* _YOUR ASSIGNMENT_: Please output the data below exactly as given, starting at its first line and stopping after the line that contains "#69=IFCINDEXEDPOLYGONALFACE((13,15,16,14));".

--- INFORMATION SUPPLIED Enclosed Below ---

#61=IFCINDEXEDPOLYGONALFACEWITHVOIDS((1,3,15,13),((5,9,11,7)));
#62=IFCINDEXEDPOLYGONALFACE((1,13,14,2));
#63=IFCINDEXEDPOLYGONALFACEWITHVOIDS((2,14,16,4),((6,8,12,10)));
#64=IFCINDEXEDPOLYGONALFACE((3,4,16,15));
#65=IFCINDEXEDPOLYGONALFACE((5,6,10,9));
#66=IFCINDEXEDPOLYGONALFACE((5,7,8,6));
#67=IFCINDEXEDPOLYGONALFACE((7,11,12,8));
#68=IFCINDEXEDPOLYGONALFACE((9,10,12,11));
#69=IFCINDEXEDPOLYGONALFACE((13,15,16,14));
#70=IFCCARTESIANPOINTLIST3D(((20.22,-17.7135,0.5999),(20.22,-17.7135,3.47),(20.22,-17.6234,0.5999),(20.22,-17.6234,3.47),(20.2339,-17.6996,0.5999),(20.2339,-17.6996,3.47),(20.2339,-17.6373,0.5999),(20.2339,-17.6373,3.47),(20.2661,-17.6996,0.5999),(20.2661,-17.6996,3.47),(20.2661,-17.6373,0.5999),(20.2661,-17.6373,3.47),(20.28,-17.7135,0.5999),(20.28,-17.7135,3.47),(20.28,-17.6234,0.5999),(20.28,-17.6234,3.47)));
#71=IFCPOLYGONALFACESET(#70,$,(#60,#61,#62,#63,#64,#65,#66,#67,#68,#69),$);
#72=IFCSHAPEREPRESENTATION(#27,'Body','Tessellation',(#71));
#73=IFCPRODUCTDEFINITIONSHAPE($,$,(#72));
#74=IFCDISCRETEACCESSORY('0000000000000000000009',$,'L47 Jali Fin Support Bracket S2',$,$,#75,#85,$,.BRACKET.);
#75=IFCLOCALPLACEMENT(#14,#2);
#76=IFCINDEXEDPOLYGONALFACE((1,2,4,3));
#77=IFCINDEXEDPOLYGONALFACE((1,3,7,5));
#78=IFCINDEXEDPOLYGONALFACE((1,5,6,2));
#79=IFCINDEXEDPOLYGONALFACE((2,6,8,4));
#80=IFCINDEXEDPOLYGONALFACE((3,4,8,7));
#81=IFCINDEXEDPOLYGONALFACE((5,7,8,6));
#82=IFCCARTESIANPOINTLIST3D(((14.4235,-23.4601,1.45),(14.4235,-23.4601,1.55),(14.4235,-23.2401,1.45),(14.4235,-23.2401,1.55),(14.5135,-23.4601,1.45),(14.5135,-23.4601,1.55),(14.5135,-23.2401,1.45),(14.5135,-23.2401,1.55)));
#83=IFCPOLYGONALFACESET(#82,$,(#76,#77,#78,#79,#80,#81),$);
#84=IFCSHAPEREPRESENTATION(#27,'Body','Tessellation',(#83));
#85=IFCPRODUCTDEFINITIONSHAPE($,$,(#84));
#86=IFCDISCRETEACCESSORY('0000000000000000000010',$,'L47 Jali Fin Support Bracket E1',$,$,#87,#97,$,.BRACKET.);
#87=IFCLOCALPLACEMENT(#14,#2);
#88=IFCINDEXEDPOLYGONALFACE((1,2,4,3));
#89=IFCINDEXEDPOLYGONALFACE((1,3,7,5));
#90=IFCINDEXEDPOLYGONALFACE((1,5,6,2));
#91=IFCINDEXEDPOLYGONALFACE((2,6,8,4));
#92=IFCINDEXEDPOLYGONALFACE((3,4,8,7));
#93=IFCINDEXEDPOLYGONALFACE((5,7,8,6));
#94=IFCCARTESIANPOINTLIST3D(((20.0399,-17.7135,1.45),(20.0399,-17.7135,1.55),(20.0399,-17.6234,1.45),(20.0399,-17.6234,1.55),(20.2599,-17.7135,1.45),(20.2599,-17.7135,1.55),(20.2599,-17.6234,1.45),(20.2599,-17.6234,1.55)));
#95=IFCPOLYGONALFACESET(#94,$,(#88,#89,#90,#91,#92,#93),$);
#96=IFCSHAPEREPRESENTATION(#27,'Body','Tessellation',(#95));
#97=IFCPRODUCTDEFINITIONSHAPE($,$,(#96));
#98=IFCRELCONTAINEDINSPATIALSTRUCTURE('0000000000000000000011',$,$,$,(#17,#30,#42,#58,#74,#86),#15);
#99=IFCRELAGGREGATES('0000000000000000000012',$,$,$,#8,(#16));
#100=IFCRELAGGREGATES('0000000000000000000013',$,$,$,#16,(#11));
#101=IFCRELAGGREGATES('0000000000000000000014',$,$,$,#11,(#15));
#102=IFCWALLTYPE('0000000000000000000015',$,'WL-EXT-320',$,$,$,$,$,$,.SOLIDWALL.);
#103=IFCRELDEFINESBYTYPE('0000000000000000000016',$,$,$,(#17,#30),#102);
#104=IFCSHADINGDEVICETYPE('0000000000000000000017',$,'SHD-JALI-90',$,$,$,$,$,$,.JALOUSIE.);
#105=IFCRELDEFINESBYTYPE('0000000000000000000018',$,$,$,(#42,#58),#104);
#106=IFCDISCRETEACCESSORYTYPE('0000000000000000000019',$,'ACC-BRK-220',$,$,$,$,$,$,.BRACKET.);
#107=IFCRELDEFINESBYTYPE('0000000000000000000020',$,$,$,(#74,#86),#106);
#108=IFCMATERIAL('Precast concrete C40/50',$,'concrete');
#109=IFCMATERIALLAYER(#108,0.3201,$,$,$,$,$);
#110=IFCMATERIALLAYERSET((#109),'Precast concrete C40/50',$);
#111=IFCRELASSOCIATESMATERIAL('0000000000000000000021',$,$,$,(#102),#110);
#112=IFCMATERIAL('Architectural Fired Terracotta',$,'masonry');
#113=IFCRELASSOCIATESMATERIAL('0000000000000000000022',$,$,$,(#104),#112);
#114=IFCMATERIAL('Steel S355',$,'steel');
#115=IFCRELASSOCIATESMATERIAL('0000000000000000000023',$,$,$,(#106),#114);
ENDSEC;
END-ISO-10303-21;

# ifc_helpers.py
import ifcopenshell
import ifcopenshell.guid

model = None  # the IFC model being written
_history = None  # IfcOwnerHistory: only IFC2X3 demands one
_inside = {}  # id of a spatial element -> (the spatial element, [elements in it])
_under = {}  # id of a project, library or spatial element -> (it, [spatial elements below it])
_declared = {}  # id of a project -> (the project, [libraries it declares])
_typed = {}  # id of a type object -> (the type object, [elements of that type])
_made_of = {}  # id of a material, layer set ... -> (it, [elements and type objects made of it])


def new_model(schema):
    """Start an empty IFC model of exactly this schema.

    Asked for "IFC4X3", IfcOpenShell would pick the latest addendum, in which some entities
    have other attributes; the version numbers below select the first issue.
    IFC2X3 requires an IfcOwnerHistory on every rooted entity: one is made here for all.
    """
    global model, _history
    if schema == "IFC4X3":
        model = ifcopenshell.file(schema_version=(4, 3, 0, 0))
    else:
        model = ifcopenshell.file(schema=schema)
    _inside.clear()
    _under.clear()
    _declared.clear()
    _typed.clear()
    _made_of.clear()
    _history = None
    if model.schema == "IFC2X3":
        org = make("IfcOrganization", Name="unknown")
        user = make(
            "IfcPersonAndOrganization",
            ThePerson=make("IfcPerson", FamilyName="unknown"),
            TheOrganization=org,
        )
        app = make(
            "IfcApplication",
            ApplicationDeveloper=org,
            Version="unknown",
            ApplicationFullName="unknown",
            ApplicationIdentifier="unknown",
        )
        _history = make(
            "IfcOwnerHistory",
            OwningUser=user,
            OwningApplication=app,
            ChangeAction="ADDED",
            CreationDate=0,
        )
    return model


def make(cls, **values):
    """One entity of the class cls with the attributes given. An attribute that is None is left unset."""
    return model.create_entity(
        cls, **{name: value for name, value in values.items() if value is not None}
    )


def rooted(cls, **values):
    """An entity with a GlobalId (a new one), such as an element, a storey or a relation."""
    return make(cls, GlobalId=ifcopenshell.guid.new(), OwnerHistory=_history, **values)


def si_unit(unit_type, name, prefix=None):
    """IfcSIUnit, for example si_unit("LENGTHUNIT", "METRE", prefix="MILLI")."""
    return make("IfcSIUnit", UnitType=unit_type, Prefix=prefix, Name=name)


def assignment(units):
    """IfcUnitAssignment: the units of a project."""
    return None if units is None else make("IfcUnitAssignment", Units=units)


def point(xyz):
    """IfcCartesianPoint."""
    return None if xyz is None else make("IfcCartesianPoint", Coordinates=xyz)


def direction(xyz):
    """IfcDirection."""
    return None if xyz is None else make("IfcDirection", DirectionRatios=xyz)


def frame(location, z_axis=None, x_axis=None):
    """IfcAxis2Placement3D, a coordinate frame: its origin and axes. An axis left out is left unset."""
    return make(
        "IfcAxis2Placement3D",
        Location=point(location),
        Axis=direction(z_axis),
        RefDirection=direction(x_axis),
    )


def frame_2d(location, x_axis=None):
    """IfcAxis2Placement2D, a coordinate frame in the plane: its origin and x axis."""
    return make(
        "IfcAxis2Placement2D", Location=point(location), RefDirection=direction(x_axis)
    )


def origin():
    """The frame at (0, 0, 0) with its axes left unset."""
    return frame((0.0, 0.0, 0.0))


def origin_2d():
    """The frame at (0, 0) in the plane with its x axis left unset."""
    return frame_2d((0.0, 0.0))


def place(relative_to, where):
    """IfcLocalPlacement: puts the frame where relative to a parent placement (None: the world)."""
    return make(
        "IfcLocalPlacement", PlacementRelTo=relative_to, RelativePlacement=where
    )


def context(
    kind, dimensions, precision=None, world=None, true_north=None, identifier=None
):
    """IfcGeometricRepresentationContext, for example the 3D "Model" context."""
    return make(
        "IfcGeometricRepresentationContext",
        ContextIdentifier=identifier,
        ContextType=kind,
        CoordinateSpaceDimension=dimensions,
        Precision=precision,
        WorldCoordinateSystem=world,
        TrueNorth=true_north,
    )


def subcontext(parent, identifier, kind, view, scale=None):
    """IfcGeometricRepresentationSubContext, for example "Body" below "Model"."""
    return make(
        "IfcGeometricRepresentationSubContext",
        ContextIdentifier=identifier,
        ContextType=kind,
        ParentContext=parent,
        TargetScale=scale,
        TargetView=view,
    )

--- End of Enclosed INFORMATION SUPPLIED ---

* _COMPLETED EXERCISE_:
#61=IFCINDEXEDPOLYGONALFACEWITHVOIDS((1,3,15,13),((5,9,11,7)));
#62=IFCINDEXEDPOLYGONALFACE((1,13,14,2));
#63=IFCINDEXEDPOLYGONALFACEWITHVOIDS((2,14,16,4),((6,8,12,10)));
#64=IFCINDEXEDPOLYGONALFACE((3,4,16,15));
#65=IFCINDEXEDPOLYGONALFACE((5,6,10,9));
#66=IFCINDEXEDPOLYGONALFACE((5,7,8,6));
#67=IFCINDEXEDPOLYGONALFACE((7,11,12,8));
#68=IFCINDEXEDPOLYGONALFACE((9,10,12,11));
#69=IFCINDEXEDPOLYGONALFACE((13,15,16,14));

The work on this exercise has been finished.